━━━ TASK DATA

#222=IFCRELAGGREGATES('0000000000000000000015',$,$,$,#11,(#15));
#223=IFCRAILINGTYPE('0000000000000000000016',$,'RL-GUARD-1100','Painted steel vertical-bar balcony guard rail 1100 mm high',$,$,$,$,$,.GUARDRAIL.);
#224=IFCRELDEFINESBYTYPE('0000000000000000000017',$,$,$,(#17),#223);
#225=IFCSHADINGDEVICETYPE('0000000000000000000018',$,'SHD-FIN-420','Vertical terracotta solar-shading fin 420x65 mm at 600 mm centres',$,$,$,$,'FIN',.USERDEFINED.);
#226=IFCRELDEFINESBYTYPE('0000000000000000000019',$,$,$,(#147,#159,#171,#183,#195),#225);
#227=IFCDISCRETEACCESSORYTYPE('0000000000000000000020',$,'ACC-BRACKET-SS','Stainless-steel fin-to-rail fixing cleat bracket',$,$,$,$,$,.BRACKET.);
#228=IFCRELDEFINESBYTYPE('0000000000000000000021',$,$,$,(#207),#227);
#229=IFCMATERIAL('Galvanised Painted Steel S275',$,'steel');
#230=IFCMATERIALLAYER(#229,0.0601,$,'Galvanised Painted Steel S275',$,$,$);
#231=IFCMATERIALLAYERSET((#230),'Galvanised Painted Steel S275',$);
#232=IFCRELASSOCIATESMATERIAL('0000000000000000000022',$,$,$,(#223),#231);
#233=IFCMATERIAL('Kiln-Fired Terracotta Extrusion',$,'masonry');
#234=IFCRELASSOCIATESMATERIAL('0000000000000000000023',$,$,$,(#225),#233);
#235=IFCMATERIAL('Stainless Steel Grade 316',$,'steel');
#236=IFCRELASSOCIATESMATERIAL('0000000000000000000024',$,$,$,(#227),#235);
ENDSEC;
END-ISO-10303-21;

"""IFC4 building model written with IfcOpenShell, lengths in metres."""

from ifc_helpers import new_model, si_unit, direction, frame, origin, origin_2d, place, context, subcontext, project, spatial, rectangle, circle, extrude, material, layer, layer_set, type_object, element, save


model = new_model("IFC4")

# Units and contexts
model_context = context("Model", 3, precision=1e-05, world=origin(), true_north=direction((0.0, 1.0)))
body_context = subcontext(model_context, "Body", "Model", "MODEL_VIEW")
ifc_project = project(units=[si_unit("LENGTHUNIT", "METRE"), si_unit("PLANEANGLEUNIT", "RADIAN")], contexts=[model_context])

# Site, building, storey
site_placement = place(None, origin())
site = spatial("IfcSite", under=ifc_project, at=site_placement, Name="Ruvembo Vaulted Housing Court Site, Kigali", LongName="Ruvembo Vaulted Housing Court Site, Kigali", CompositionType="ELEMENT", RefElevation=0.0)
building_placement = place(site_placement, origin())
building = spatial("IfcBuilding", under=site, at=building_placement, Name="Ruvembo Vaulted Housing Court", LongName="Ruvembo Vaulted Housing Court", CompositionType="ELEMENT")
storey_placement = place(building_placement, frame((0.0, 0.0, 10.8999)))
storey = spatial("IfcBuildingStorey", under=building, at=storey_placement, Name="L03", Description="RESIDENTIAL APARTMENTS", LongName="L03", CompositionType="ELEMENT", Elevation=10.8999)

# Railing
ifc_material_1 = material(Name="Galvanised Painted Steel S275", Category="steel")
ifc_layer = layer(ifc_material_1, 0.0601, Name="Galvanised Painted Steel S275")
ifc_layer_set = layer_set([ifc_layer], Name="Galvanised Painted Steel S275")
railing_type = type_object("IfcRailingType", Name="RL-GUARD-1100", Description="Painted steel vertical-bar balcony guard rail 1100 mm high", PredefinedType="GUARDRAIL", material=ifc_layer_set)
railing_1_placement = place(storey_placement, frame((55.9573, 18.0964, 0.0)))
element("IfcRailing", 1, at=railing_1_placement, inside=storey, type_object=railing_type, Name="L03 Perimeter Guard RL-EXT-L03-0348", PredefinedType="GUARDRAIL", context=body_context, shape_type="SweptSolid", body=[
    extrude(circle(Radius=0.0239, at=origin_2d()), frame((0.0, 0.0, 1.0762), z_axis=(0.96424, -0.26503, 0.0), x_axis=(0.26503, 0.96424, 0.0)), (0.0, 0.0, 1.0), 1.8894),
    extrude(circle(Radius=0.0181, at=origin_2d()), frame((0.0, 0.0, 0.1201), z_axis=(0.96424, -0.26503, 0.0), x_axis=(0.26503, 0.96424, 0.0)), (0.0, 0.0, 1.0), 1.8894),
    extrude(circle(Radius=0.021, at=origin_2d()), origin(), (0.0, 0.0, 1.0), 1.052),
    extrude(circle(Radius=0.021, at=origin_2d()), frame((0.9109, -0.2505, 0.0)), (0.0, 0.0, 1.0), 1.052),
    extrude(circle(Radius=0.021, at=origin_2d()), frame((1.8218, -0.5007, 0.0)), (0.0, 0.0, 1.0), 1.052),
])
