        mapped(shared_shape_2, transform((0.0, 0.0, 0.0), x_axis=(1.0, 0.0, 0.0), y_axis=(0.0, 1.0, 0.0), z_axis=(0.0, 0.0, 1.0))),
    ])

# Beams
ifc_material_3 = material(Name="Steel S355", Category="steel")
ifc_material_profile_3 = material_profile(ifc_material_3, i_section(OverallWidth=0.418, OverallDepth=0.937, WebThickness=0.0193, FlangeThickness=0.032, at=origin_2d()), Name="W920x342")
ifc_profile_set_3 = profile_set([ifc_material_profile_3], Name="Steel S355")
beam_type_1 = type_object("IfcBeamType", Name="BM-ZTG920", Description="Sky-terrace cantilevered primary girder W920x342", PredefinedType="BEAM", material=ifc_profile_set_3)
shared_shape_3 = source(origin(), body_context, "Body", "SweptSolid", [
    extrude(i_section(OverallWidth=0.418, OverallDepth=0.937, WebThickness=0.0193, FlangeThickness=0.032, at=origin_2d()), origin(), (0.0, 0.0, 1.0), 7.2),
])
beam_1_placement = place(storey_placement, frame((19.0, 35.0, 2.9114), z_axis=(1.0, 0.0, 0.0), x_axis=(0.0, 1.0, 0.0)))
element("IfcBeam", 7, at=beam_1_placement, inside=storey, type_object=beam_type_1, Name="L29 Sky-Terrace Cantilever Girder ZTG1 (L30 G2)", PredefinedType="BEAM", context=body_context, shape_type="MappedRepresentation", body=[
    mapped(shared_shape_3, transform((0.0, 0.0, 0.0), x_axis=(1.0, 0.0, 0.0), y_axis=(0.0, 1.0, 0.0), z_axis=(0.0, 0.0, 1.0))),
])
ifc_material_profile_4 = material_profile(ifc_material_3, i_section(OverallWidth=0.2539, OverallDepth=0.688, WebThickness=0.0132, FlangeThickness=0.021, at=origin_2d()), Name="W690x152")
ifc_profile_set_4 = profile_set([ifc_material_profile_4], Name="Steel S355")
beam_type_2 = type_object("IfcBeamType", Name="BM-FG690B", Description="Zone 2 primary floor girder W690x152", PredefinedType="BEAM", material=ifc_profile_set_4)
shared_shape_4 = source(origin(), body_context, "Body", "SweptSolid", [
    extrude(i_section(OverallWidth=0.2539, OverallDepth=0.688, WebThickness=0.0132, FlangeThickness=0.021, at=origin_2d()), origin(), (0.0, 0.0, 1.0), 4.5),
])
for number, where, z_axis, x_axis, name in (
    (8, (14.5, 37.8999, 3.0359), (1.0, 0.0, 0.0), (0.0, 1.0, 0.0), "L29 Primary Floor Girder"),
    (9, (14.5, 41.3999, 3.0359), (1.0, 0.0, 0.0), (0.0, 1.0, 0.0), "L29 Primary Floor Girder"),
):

━━━━━━

YOUR TASK: Repeat every record, exactly as written.

SOLUTION TO THE PROBLEM:
#222=IFCRELAGGREGATES('0000000000000000000015',$,$,$,#11,(#15));
#223=IFCRAILINGTYPE('0000000000000000000016',$,'RL-GUARD-1100','Painted steel vertical-bar balcony guard rail 1100 mm high',$,$,$,$,$,.GUARDRAIL.);
#224=IFCRELDEFINESBYTYPE('0000000000000000000017',$,$,$,(#17),#223);
#225=IFCSHADINGDEVICETYPE('0000000000000000000018',$,'SHD-FIN-420','Vertical terracotta solar-shading fin 420x65 mm at 600 mm centres',$,$,$,$,'FIN',.USERDEFINED.);
#226=IFCRELDEFINESBYTYPE('0000000000000000000019',$,$,$,(#147,#159,#171,#183,#195),#225);
#227=IFCDISCRETEACCESSORYTYPE('0000000000000000000020',$,'ACC-BRACKET-SS','Stainless-steel fin-to-rail fixing cleat bracket',$,$,$,$,$,.BRACKET.);
#228=IFCRELDEFINESBYTYPE('0000000000000000000021',$,$,$,(#207),#227);
#229=IFCMATERIAL('Galvanised Painted Steel S275',$,'steel');
#230=IFCMATERIALLAYER(#229,0.0601,$,'Galvanised Painted Steel S275',$,$,$);
#231=IFCMATERIALLAYERSET((#230),'Galvanised Painted Steel S275',$);
#232=IFCRELASSOCIATESMATERIAL('0000000000000000000022',$,$,$,(#223),#231);
#233=IFCMATERIAL('Kiln-Fired Terracotta Extrusion',$,'masonry');
#234=IFCRELASSOCIATESMATERIAL('0000000000000000000023',$,$,$,(#225),#233);
#235=IFCMATERIAL('Stainless Steel Grade 316',$,'steel');
#236=IFCRELASSOCIATESMATERIAL('0000000000000000000024',$,$,$,(#227),#235);
ENDSEC;
END-ISO-10303-21;

"""IFC4 building model written with IfcOpenShell, lengths in metres."""

from ifc_helpers import new_model, si_unit, direction, frame, origin, origin_2d, place, context, subcontext, project, spatial, rectangle, circle, extrude, material, layer, layer_set, type_object, element, save


model = new_model("IFC4")

# Units and contexts
model_context = context("Model", 3, precision=1e-05, world=origin(), true_north=direction((0.0, 1.0)))
body_context = subcontext(model_context, "Body", "Model", "MODEL_VIEW")
ifc_project = project(units=[si_unit("LENGTHUNIT", "METRE"), si_unit("PLANEANGLEUNIT", "RADIAN")], contexts=[model_context])

# Site, building, storey
site_placement = place(None, origin())
site = spatial("IfcSite", under=ifc_project, at=site_placement, Name="Ruvembo Vaulted Housing Court Site, Kigali", LongName="Ruvembo Vaulted Housing Court Site, Kigali", CompositionType="ELEMENT", RefElevation=0.0)
building_placement = place(site_placement, origin())
building = spatial("IfcBuilding", under=site, at=building_placement, Name="Ruvembo Vaulted Housing Court", LongName="Ruvembo Vaulted Housing Court", CompositionType="ELEMENT")
storey_placement = place(building_placement, frame((0.0, 0.0, 10.8999)))
storey = spatial("IfcBuildingStorey", under=building, at=storey_placement, Name="L03", Description="RESIDENTIAL APARTMENTS", LongName="L03", CompositionType="ELEMENT", Elevation=10.8999)

# Railing
ifc_material_1 = material(Name="Galvanised Painted Steel S275", Category="steel")
ifc_layer = layer(ifc_material_1, 0.0601, Name="Galvanised Painted Steel S275")
ifc_layer_set = layer_set([ifc_layer], Name="Galvanised Painted Steel S275")
railing_type = type_object("IfcRailingType", Name="RL-GUARD-1100", Description="Painted steel vertical-bar balcony guard rail 1100 mm high", PredefinedType="GUARDRAIL", material=ifc_layer_set)
railing_1_placement = place(storey_placement, frame((55.9573, 18.0964, 0.0)))
element("IfcRailing", 1, at=railing_1_placement, inside=storey, type_object=railing_type, Name="L03 Perimeter Guard RL-EXT-L03-0348", PredefinedType="GUARDRAIL", context=body_context, shape_type="SweptSolid", body=[
    extrude(circle(Radius=0.0239, at=origin_2d()), frame((0.0, 0.0, 1.0762), z_axis=(0.96424, -0.26503, 0.0), x_axis=(0.26503, 0.96424, 0.0)), (0.0, 0.0, 1.0), 1.8894),
    extrude(circle(Radius=0.0181, at=origin_2d()), frame((0.0, 0.0, 0.1201), z_axis=(0.96424, -0.26503, 0.0), x_axis=(0.26503, 0.96424, 0.0)), (0.0, 0.0, 1.0), 1.8894),
    extrude(circle(Radius=0.021, at=origin_2d()), origin(), (0.0, 0.0, 1.0), 1.052),
    extrude(circle(Radius=0.021, at=origin_2d()), frame((0.9109, -0.2505, 0.0)), (0.0, 0.0, 1.0), 1.052),
    extrude(circle(Radius=0.021, at=origin_2d()), frame((1.8218, -0.5007, 0.0)), (0.0, 0.0, 1.0), 1.052),
])
        mapped(shared_shape_2, transform((0.0, 0.0, 0.0), x_axis=(1.0, 0.0, 0.0), y_axis=(0.0, 1.0, 0.0), z_axis=(0.0, 0.0, 1.0))),
    ])

# Beams
ifc_material_3 = material(Name="Steel S355", Category="steel")
ifc_material_profile_3 = material_profile(ifc_material_3, i_section(OverallWidth=0.418, OverallDepth=0.937, WebThickness=0.0193, FlangeThickness=0.032, at=origin_2d()), Name="W920x342")
ifc_profile_set_3 = profile_set([ifc_material_profile_3], Name="Steel S355")
beam_type_1 = type_object("IfcBeamType", Name="BM-ZTG920", Description="Sky-terrace cantilevered primary girder W920x342", PredefinedType="BEAM", material=ifc_profile_set_3)
shared_shape_3 = source(origin(), body_context, "Body", "SweptSolid", [
    extrude(i_section(OverallWidth=0.418, OverallDepth=0.937, WebThickness=0.0193, FlangeThickness=0.032, at=origin_2d()), origin(), (0.0, 0.0, 1.0), 7.2),
])
beam_1_placement = place(storey_placement, frame((19.0, 35.0, 2.9114), z_axis=(1.0, 0.0, 0.0), x_axis=(0.0, 1.0, 0.0)))
element("IfcBeam", 7, at=beam_1_placement, inside=storey, type_object=beam_type_1, Name="L29 Sky-Terrace Cantilever Girder ZTG1 (L30 G2)", PredefinedType="BEAM", context=body_context, shape_type="MappedRepresentation", body=[
    mapped(shared_shape_3, transform((0.0, 0.0, 0.0), x_axis=(1.0, 0.0, 0.0), y_axis=(0.0, 1.0, 0.0), z_axis=(0.0, 0.0, 1.0))),
])
ifc_material_profile_4 = material_profile(ifc_material_3, i_section(OverallWidth=0.2539, OverallDepth=0.688, WebThickness=0.0132, FlangeThickness=0.021, at=origin_2d()), Name="W690x152")
ifc_profile_set_4 = profile_set([ifc_material_profile_4], Name="Steel S355")
beam_type_2 = type_object("IfcBeamType", Name="BM-FG690B", Description="Zone 2 primary floor girder W690x152", PredefinedType="BEAM", material=ifc_profile_set_4)
shared_shape_4 = source(origin(), body_context, "Body", "SweptSolid", [
    extrude(i_section(OverallWidth=0.2539, OverallDepth=0.688, WebThickness=0.0132, FlangeThickness=0.021, at=origin_2d()), origin(), (0.0, 0.0, 1.0), 4.5),
])
for number, where, z_axis, x_axis, name in (
    (8, (14.5, 37.8999, 3.0359), (1.0, 0.0, 0.0), (0.0, 1.0, 0.0), "L29 Primary Floor Girder"),
    (9, (14.5, 41.3999, 3.0359), (1.0, 0.0, 0.0), (0.0, 1.0, 0.0), "L29 Primary Floor Girder"),
):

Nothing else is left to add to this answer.